**Task goal**
Read the entries below and pull out each line with the string "ASTM".

**Study material**
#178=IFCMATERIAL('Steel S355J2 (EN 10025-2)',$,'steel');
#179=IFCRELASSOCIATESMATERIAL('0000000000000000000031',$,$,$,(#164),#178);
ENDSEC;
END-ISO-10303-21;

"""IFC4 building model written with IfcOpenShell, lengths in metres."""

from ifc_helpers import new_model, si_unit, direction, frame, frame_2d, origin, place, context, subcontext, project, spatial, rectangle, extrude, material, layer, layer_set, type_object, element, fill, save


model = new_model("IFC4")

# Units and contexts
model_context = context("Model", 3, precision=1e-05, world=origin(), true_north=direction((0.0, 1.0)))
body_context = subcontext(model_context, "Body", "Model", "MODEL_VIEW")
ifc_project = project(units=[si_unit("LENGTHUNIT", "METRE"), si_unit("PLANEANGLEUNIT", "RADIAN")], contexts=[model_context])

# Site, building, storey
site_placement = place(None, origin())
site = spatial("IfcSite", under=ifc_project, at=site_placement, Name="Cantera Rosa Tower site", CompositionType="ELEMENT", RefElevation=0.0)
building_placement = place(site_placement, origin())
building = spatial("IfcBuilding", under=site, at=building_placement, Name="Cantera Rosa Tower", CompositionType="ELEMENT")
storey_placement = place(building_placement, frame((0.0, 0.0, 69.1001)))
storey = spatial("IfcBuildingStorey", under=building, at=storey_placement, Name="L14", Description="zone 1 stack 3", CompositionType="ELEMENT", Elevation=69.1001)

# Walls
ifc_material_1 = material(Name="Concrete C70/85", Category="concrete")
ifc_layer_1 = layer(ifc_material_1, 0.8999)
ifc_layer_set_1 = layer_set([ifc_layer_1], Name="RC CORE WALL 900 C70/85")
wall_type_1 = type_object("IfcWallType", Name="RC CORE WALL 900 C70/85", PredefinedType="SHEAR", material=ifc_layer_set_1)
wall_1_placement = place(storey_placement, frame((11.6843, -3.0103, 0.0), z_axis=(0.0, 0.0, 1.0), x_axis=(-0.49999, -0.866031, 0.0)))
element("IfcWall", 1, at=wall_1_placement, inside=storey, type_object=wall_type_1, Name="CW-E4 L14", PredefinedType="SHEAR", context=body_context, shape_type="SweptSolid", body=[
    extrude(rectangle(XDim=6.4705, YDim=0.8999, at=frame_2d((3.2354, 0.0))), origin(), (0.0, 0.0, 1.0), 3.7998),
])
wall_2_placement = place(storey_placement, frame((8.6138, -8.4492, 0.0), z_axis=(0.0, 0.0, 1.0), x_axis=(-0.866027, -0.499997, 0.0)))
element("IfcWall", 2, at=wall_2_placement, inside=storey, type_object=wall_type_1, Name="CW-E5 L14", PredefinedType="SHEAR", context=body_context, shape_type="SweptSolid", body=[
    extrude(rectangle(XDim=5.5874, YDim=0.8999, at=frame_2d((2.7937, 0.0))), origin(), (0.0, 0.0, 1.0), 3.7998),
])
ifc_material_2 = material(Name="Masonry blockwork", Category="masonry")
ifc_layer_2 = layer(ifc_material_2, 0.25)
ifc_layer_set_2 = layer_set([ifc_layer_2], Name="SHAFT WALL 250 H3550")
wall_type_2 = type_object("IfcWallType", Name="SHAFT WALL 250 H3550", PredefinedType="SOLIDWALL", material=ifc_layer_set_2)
--
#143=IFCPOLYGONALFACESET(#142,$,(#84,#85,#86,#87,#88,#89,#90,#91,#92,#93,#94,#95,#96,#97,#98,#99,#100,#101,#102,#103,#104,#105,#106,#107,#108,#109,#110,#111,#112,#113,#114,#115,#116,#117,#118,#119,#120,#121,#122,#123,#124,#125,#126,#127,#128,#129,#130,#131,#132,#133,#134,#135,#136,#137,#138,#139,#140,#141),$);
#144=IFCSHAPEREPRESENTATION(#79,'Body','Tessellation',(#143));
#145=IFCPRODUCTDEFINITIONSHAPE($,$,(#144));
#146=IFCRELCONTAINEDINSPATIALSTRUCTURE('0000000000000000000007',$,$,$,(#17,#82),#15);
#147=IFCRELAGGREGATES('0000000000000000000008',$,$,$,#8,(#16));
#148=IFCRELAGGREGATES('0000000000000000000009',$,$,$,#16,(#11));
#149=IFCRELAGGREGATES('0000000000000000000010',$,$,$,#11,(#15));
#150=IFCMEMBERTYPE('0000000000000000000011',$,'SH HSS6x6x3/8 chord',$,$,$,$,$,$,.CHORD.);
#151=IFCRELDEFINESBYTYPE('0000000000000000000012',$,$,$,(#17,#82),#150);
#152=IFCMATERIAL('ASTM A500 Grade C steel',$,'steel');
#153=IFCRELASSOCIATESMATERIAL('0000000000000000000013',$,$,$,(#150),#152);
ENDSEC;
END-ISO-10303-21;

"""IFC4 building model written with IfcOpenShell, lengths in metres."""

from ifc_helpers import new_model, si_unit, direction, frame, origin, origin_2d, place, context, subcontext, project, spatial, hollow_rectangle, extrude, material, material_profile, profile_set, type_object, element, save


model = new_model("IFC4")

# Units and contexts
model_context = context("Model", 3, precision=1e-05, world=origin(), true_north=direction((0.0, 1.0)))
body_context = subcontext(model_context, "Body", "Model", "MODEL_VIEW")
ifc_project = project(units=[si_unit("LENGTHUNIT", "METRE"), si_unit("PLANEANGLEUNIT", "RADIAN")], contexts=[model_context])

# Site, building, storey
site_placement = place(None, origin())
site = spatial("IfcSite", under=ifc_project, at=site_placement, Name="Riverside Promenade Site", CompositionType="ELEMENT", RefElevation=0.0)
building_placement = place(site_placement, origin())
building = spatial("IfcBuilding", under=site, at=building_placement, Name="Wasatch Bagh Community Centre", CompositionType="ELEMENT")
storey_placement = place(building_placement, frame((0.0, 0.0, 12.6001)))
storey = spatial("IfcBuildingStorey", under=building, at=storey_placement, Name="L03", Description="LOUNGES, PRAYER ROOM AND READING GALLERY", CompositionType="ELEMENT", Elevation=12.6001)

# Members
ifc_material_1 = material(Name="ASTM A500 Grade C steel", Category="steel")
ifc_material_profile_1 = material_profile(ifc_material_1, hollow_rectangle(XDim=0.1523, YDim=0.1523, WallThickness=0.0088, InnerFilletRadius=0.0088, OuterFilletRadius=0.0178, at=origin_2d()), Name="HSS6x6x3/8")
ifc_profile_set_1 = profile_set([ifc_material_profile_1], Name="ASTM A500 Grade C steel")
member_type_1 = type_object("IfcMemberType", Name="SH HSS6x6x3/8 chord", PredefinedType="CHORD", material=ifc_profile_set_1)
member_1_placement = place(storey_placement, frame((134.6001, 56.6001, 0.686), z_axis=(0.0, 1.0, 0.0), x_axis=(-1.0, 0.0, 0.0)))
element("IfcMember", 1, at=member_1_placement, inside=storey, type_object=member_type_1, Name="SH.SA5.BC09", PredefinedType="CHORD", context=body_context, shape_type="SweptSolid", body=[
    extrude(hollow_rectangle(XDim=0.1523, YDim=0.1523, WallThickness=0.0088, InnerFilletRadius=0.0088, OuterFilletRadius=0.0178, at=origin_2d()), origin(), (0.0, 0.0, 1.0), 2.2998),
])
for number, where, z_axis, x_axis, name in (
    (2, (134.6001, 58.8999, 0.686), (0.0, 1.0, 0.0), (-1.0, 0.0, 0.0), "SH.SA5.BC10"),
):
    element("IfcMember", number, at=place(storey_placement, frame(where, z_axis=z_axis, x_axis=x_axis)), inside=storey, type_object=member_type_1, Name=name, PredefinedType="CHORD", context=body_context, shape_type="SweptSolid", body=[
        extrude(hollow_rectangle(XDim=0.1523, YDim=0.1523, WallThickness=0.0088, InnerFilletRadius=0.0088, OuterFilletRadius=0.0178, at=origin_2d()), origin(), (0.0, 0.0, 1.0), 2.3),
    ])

**Written solution**
#152=IFCMATERIAL('ASTM A500 Grade C steel',$,'steel');
ifc_material_1 = material(Name="ASTM A500 Grade C steel", Category="steel")
ifc_profile_set_1 = profile_set([ifc_material_profile_1], Name="ASTM A500 Grade C steel")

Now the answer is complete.